## Work instructions
Where a line in the data below includes the word "Gypsum", count it. State the total and nothing more.

## Records supplied

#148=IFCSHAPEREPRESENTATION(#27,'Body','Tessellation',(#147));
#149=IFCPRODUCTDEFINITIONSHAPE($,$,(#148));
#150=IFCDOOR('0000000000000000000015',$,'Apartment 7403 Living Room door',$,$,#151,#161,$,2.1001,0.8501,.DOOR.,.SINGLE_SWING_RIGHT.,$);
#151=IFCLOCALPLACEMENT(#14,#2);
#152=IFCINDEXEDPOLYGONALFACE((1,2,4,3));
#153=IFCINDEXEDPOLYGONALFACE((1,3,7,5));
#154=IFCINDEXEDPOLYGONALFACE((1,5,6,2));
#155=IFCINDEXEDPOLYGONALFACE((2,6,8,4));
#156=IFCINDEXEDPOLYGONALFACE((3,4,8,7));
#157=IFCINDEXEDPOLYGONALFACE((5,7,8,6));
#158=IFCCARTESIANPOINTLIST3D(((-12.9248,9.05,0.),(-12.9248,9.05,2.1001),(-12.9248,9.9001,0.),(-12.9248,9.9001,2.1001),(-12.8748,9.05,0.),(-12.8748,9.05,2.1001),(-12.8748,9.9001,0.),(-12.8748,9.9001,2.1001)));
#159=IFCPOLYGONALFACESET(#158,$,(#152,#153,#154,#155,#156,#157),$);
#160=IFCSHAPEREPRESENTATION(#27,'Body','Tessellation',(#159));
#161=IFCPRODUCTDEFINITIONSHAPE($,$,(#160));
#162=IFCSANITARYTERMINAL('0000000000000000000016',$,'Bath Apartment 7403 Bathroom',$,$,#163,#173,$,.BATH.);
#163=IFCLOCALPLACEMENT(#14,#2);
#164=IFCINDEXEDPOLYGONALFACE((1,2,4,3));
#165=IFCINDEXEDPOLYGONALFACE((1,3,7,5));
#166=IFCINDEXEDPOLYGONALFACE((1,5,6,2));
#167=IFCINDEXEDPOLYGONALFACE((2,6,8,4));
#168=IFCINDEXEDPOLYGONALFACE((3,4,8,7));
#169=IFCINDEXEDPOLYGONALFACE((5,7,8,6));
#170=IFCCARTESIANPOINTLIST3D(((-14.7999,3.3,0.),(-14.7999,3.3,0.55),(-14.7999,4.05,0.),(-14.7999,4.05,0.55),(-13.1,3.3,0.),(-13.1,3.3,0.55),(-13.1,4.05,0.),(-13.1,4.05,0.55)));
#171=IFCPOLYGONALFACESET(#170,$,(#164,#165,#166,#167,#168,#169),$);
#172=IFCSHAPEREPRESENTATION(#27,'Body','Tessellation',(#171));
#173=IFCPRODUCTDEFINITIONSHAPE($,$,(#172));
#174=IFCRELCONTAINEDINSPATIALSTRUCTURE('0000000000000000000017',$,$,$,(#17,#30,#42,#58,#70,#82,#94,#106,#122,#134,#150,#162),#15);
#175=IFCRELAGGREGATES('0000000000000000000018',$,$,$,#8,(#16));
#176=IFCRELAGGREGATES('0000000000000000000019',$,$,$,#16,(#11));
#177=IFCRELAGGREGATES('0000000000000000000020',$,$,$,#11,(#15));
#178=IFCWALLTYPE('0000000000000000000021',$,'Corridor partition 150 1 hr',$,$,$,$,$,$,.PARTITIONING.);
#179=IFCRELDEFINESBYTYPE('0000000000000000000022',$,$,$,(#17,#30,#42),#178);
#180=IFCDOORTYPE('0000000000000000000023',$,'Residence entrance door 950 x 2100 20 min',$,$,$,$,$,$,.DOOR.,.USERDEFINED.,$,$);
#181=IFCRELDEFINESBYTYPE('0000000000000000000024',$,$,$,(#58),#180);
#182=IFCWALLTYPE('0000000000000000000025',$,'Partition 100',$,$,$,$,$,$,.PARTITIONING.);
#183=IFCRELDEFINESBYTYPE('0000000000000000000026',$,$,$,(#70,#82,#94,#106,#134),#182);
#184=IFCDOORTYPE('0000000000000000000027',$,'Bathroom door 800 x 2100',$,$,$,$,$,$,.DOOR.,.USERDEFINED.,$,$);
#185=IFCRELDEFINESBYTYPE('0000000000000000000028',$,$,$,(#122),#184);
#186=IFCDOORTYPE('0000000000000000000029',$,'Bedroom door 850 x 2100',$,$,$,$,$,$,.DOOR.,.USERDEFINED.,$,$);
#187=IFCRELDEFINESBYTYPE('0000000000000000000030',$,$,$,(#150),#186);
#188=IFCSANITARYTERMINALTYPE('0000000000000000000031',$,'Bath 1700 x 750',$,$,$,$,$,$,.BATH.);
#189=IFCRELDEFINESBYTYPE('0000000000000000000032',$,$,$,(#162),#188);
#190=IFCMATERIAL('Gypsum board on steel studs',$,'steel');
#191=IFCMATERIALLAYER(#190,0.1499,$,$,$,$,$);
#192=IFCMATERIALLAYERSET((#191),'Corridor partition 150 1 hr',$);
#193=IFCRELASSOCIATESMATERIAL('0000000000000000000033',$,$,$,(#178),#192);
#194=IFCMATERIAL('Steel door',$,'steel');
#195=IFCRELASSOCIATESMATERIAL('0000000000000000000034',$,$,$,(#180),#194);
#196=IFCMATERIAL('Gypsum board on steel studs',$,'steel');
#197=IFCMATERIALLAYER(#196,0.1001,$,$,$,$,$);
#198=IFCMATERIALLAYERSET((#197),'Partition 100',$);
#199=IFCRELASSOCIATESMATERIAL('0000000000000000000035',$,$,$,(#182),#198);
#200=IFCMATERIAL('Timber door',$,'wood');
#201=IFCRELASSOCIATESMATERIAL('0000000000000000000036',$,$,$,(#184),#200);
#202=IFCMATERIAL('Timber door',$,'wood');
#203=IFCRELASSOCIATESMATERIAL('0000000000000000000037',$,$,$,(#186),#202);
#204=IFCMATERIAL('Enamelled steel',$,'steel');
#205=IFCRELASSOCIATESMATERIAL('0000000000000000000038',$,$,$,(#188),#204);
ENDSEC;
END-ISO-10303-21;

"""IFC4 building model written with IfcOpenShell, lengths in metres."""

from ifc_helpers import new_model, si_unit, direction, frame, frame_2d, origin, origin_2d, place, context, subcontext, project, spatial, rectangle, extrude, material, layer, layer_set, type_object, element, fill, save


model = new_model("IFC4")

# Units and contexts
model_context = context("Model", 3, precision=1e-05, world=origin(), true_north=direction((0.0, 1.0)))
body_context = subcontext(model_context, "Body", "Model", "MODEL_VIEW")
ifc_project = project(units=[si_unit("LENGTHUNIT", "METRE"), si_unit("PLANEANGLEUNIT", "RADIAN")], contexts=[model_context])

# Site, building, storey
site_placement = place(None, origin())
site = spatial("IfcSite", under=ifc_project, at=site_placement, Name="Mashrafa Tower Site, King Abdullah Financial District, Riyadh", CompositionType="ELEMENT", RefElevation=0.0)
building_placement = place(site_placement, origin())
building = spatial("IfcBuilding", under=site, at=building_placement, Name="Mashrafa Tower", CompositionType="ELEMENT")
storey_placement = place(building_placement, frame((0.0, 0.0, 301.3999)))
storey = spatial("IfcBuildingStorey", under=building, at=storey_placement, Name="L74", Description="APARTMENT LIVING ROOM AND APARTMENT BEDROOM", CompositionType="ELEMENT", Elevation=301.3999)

...

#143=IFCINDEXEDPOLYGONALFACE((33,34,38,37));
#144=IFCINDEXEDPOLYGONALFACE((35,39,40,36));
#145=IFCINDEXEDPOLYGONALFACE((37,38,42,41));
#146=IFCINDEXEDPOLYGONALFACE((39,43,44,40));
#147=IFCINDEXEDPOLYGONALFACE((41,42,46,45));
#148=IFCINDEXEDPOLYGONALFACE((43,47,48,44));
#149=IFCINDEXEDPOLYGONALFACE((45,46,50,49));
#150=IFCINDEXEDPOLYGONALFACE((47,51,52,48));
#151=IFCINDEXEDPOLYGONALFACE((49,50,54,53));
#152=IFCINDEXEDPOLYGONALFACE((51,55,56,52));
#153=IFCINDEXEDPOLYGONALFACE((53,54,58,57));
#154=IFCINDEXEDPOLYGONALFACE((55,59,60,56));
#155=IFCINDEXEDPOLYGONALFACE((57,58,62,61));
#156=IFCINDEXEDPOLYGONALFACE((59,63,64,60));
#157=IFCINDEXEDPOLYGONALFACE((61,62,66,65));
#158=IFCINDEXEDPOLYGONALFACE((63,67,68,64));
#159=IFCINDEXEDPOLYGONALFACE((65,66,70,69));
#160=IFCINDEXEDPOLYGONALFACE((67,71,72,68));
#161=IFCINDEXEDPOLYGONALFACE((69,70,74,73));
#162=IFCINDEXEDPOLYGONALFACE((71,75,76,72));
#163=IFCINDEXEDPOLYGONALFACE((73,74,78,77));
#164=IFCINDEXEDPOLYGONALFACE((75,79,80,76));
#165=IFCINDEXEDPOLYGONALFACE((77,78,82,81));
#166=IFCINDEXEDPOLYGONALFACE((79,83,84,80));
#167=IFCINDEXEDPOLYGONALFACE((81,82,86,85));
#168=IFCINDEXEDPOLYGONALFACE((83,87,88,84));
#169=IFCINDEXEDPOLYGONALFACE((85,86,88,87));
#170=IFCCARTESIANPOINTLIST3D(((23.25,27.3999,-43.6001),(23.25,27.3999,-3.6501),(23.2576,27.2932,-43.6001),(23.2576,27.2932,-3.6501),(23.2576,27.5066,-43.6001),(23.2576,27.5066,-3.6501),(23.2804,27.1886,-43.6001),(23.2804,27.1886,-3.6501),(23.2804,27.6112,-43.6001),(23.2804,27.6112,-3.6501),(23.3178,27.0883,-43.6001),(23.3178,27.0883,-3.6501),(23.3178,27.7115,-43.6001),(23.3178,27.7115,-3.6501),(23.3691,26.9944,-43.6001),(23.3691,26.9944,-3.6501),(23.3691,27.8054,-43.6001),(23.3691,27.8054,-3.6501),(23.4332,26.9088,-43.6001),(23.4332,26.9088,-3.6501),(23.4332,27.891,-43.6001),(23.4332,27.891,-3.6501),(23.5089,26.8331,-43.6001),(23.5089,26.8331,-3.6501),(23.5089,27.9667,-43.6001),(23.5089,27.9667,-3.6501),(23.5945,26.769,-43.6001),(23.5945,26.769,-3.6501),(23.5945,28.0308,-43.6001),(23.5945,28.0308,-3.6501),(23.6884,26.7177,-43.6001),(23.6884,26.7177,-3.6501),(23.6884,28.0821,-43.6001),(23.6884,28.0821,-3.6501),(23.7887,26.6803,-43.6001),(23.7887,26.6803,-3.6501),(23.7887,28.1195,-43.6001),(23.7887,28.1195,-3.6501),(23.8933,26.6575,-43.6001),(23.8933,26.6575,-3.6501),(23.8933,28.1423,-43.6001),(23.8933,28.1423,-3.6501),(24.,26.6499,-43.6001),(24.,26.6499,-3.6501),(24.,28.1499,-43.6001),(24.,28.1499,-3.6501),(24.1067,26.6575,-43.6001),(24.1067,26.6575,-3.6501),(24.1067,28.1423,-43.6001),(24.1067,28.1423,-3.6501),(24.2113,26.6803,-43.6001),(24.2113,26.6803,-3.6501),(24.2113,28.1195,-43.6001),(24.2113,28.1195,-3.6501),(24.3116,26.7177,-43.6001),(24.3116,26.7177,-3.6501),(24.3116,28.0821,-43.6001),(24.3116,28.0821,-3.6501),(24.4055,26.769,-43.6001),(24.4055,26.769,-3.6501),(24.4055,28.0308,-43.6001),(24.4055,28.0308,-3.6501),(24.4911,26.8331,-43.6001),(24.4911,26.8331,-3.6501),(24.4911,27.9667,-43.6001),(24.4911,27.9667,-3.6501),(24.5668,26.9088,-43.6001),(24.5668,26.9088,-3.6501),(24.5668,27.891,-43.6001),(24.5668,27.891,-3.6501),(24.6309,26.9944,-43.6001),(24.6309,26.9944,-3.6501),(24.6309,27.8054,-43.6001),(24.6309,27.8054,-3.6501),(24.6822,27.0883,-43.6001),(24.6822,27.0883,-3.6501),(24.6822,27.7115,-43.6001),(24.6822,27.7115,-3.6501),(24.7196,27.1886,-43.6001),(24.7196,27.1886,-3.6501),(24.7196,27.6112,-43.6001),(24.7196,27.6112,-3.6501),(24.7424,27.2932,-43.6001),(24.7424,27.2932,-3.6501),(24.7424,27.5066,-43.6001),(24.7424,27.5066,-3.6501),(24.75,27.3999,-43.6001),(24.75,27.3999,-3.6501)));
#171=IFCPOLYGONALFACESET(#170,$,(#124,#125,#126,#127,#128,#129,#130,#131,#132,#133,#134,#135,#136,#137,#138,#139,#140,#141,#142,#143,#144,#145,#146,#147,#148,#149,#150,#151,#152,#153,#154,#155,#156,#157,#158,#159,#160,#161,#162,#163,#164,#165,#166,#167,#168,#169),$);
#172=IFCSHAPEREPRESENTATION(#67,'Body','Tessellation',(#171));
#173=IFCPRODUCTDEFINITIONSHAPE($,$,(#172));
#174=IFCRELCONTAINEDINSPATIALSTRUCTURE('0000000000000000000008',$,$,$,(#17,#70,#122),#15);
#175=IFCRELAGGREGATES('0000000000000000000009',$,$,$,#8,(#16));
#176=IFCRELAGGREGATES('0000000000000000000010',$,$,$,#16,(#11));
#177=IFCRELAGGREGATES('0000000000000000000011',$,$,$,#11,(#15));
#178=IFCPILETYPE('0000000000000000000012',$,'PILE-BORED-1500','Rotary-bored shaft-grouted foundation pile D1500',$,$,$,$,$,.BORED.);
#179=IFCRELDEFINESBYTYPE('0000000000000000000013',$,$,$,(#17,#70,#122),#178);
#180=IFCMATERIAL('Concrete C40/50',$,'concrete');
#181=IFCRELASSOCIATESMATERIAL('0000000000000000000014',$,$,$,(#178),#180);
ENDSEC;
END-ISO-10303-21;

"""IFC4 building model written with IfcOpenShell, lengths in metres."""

## Response below
2